PROBLEM REQUIREMENTS
This task calls for printing every entry exactly.

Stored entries
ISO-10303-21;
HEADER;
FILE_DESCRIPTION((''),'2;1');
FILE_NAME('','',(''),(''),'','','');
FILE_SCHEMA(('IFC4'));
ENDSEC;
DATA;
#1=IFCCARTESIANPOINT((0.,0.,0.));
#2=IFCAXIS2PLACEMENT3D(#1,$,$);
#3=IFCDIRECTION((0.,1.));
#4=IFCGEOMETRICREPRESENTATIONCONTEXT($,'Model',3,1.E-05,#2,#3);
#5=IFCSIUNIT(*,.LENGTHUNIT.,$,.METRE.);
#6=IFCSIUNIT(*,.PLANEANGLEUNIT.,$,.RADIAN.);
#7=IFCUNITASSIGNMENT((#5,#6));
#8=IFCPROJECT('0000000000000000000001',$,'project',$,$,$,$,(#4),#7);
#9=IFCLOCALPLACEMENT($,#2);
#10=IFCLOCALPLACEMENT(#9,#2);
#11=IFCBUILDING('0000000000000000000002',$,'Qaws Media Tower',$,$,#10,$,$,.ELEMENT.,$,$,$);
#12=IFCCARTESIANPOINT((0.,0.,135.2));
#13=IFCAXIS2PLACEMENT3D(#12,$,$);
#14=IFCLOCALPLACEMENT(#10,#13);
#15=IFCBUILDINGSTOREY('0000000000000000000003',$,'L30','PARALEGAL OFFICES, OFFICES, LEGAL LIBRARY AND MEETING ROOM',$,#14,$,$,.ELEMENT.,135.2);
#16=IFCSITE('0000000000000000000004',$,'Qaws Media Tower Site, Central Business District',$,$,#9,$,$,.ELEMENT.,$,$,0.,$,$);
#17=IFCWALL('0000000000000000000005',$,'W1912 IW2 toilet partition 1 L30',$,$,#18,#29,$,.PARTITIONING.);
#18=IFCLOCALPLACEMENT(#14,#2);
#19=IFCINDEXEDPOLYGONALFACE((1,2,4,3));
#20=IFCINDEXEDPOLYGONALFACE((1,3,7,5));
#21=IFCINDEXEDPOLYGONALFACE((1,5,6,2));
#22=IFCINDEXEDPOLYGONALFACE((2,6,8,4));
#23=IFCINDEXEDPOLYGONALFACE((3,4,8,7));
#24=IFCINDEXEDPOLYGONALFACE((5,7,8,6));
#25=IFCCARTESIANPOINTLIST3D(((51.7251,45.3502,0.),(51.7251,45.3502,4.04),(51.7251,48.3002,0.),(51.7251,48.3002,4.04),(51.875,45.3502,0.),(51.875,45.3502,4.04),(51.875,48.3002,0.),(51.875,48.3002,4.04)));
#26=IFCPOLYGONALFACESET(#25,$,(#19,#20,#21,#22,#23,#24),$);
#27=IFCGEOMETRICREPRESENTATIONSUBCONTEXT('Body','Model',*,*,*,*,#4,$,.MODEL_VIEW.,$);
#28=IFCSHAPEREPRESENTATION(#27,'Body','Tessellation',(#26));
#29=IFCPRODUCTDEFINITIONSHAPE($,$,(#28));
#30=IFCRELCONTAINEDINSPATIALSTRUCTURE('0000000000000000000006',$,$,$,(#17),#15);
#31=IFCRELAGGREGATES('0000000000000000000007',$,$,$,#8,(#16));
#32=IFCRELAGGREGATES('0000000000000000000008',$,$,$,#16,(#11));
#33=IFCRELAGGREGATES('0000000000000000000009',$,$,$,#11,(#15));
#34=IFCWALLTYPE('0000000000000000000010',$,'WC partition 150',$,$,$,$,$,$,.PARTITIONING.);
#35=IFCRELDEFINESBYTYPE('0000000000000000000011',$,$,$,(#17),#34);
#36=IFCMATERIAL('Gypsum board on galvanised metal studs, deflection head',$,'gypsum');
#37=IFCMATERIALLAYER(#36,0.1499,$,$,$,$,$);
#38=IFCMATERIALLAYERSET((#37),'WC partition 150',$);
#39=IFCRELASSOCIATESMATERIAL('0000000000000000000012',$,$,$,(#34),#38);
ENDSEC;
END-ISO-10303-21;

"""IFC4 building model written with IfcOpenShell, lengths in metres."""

from ifc_helpers import new_model, si_unit, direction, frame, frame_2d, origin, place, context, subcontext, project, spatial, rectangle, extrude, material, layer, layer_set, type_object, element, save


model = new_model("IFC4")

# Units and contexts
model_context = context("Model", 3, precision=1e-05, world=origin(), true_north=direction((0.0, 1.0)))
body_context = subcontext(model_context, "Body", "Model", "MODEL_VIEW")
ifc_project = project(units=[si_unit("LENGTHUNIT", "METRE"), si_unit("PLANEANGLEUNIT", "RADIAN")], contexts=[model_context])

# Site, building, storey
site_placement = place(None, origin())
site = spatial("IfcSite", under=ifc_project, at=site_placement, Name="Qaws Media Tower Site, Central Business District", CompositionType="ELEMENT", RefElevation=0.0)
building_placement = place(site_placement, origin())
building = spatial("IfcBuilding", under=site, at=building_placement, Name="Qaws Media Tower", CompositionType="ELEMENT")
storey_placement = place(building_placement, frame((0.0, 0.0, 135.2)))
storey = spatial("IfcBuildingStorey", under=building, at=storey_placement, Name="L30", Description="PARALEGAL OFFICES, OFFICES, LEGAL LIBRARY AND MEETING ROOM", CompositionType="ELEMENT", Elevation=135.2)

# Wall
ifc_material_1 = material(Name="Gypsum board on galvanised metal studs, deflection head", Category="gypsum")
ifc_layer_1 = layer(ifc_material_1, 0.1499)
ifc_layer_set_1 = layer_set([ifc_layer_1], Name="WC partition 150")
wall_type_1 = type_object("IfcWallType", Name="WC partition 150", PredefinedType="PARTITIONING", material=ifc_layer_set_1)
wall_1_placement = place(storey_placement, frame((51.8, 45.3501, 0.0), z_axis=(0.0, 0.0, 1.0), x_axis=(0.0, 1.0, 0.0)))
element("IfcWall", 1, at=wall_1_placement, inside=storey, type_object=wall_type_1, Name="W1912 IW2 toilet partition 1 L30", PredefinedType="PARTITIONING", context=body_context, shape_type="SweptSolid", body=[
    extrude(rectangle(XDim=2.95, YDim=0.1499, at=frame_2d((1.4751, 0.0))), origin(), (0.0, 0.0, 1.0), 4.04),
])

save(model, "model.ifc")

WORKED SOLUTION
ISO-10303-21;
HEADER;
FILE_DESCRIPTION((''),'2;1');
FILE_NAME('','',(''),(''),'','','');
FILE_SCHEMA(('IFC4'));
ENDSEC;
DATA;
#1=IFCCARTESIANPOINT((0.,0.,0.));
#2=IFCAXIS2PLACEMENT3D(#1,$,$);
#3=IFCDIRECTION((0.,1.));
#4=IFCGEOMETRICREPRESENTATIONCONTEXT($,'Model',3,1.E-05,#2,#3);
#5=IFCSIUNIT(*,.LENGTHUNIT.,$,.METRE.);
#6=IFCSIUNIT(*,.PLANEANGLEUNIT.,$,.RADIAN.);
#7=IFCUNITASSIGNMENT((#5,#6));
#8=IFCPROJECT('0000000000000000000001',$,'project',$,$,$,$,(#4),#7);
#9=IFCLOCALPLACEMENT($,#2);
#10=IFCLOCALPLACEMENT(#9,#2);
#11=IFCBUILDING('0000000000000000000002',$,'Qaws Media Tower',$,$,#10,$,$,.ELEMENT.,$,$,$);
#12=IFCCARTESIANPOINT((0.,0.,135.2));
#13=IFCAXIS2PLACEMENT3D(#12,$,$);
#14=IFCLOCALPLACEMENT(#10,#13);
#15=IFCBUILDINGSTOREY('0000000000000000000003',$,'L30','PARALEGAL OFFICES, OFFICES, LEGAL LIBRARY AND MEETING ROOM',$,#14,$,$,.ELEMENT.,135.2);
#16=IFCSITE('0000000000000000000004',$,'Qaws Media Tower Site, Central Business District',$,$,#9,$,$,.ELEMENT.,$,$,0.,$,$);
#17=IFCWALL('0000000000000000000005',$,'W1912 IW2 toilet partition 1 L30',$,$,#18,#29,$,.PARTITIONING.);
#18=IFCLOCALPLACEMENT(#14,#2);
#19=IFCINDEXEDPOLYGONALFACE((1,2,4,3));
#20=IFCINDEXEDPOLYGONALFACE((1,3,7,5));
#21=IFCINDEXEDPOLYGONALFACE((1,5,6,2));
#22=IFCINDEXEDPOLYGONALFACE((2,6,8,4));
#23=IFCINDEXEDPOLYGONALFACE((3,4,8,7));
#24=IFCINDEXEDPOLYGONALFACE((5,7,8,6));
#25=IFCCARTESIANPOINTLIST3D(((51.7251,45.3502,0.),(51.7251,45.3502,4.04),(51.7251,48.3002,0.),(51.7251,48.3002,4.04),(51.875,45.3502,0.),(51.875,45.3502,4.04),(51.875,48.3002,0.),(51.875,48.3002,4.04)));
#26=IFCPOLYGONALFACESET(#25,$,(#19,#20,#21,#22,#23,#24),$);
#27=IFCGEOMETRICREPRESENTATIONSUBCONTEXT('Body','Model',*,*,*,*,#4,$,.MODEL_VIEW.,$);
#28=IFCSHAPEREPRESENTATION(#27,'Body','Tessellation',(#26));
#29=IFCPRODUCTDEFINITIONSHAPE($,$,(#28));
#30=IFCRELCONTAINEDINSPATIALSTRUCTURE('0000000000000000000006',$,$,$,(#17),#15);
#31=IFCRELAGGREGATES('0000000000000000000007',$,$,$,#8,(#16));
#32=IFCRELAGGREGATES('0000000000000000000008',$,$,$,#16,(#11));
#33=IFCRELAGGREGATES('0000000000000000000009',$,$,$,#11,(#15));
#34=IFCWALLTYPE('0000000000000000000010',$,'WC partition 150',$,$,$,$,$,$,.PARTITIONING.);
#35=IFCRELDEFINESBYTYPE('0000000000000000000011',$,$,$,(#17),#34);
#36=IFCMATERIAL('Gypsum board on galvanised metal studs, deflection head',$,'gypsum');
#37=IFCMATERIALLAYER(#36,0.1499,$,$,$,$,$);
#38=IFCMATERIALLAYERSET((#37),'WC partition 150',$);
#39=IFCRELASSOCIATESMATERIAL('0000000000000000000012',$,$,$,(#34),#38);
ENDSEC;
END-ISO-10303-21;

"""IFC4 building model written with IfcOpenShell, lengths in metres."""

from ifc_helpers import new_model, si_unit, direction, frame, frame_2d, origin, place, context, subcontext, project, spatial, rectangle, extrude, material, layer, layer_set, type_object, element, save


model = new_model("IFC4")

# Units and contexts
model_context = context("Model", 3, precision=1e-05, world=origin(), true_north=direction((0.0, 1.0)))
body_context = subcontext(model_context, "Body", "Model", "MODEL_VIEW")
ifc_project = project(units=[si_unit("LENGTHUNIT", "METRE"), si_unit("PLANEANGLEUNIT", "RADIAN")], contexts=[model_context])

# Site, building, storey
site_placement = place(None, origin())
site = spatial("IfcSite", under=ifc_project, at=site_placement, Name="Qaws Media Tower Site, Central Business District", CompositionType="ELEMENT", RefElevation=0.0)
building_placement = place(site_placement, origin())
building = spatial("IfcBuilding", under=site, at=building_placement, Name="Qaws Media Tower", CompositionType="ELEMENT")
storey_placement = place(building_placement, frame((0.0, 0.0, 135.2)))
storey = spatial("IfcBuildingStorey", under=building, at=storey_placement, Name="L30", Description="PARALEGAL OFFICES, OFFICES, LEGAL LIBRARY AND MEETING ROOM", CompositionType="ELEMENT", Elevation=135.2)

# Wall
ifc_material_1 = material(Name="Gypsum board on galvanised metal studs, deflection head", Category="gypsum")
ifc_layer_1 = layer(ifc_material_1, 0.1499)
ifc_layer_set_1 = layer_set([ifc_layer_1], Name="WC partition 150")
wall_type_1 = type_object("IfcWallType", Name="WC partition 150", PredefinedType="PARTITIONING", material=ifc_layer_set_1)
wall_1_placement = place(storey_placement, frame((51.8, 45.3501, 0.0), z_axis=(0.0, 0.0, 1.0), x_axis=(0.0, 1.0, 0.0)))
element("IfcWall", 1, at=wall_1_placement, inside=storey, type_object=wall_type_1, Name="W1912 IW2 toilet partition 1 L30", PredefinedType="PARTITIONING", context=body_context, shape_type="SweptSolid", body=[
    extrude(rectangle(XDim=2.95, YDim=0.1499, at=frame_2d((1.4751, 0.0))), origin(), (0.0, 0.0, 1.0), 4.04),
])

save(model, "model.ifc")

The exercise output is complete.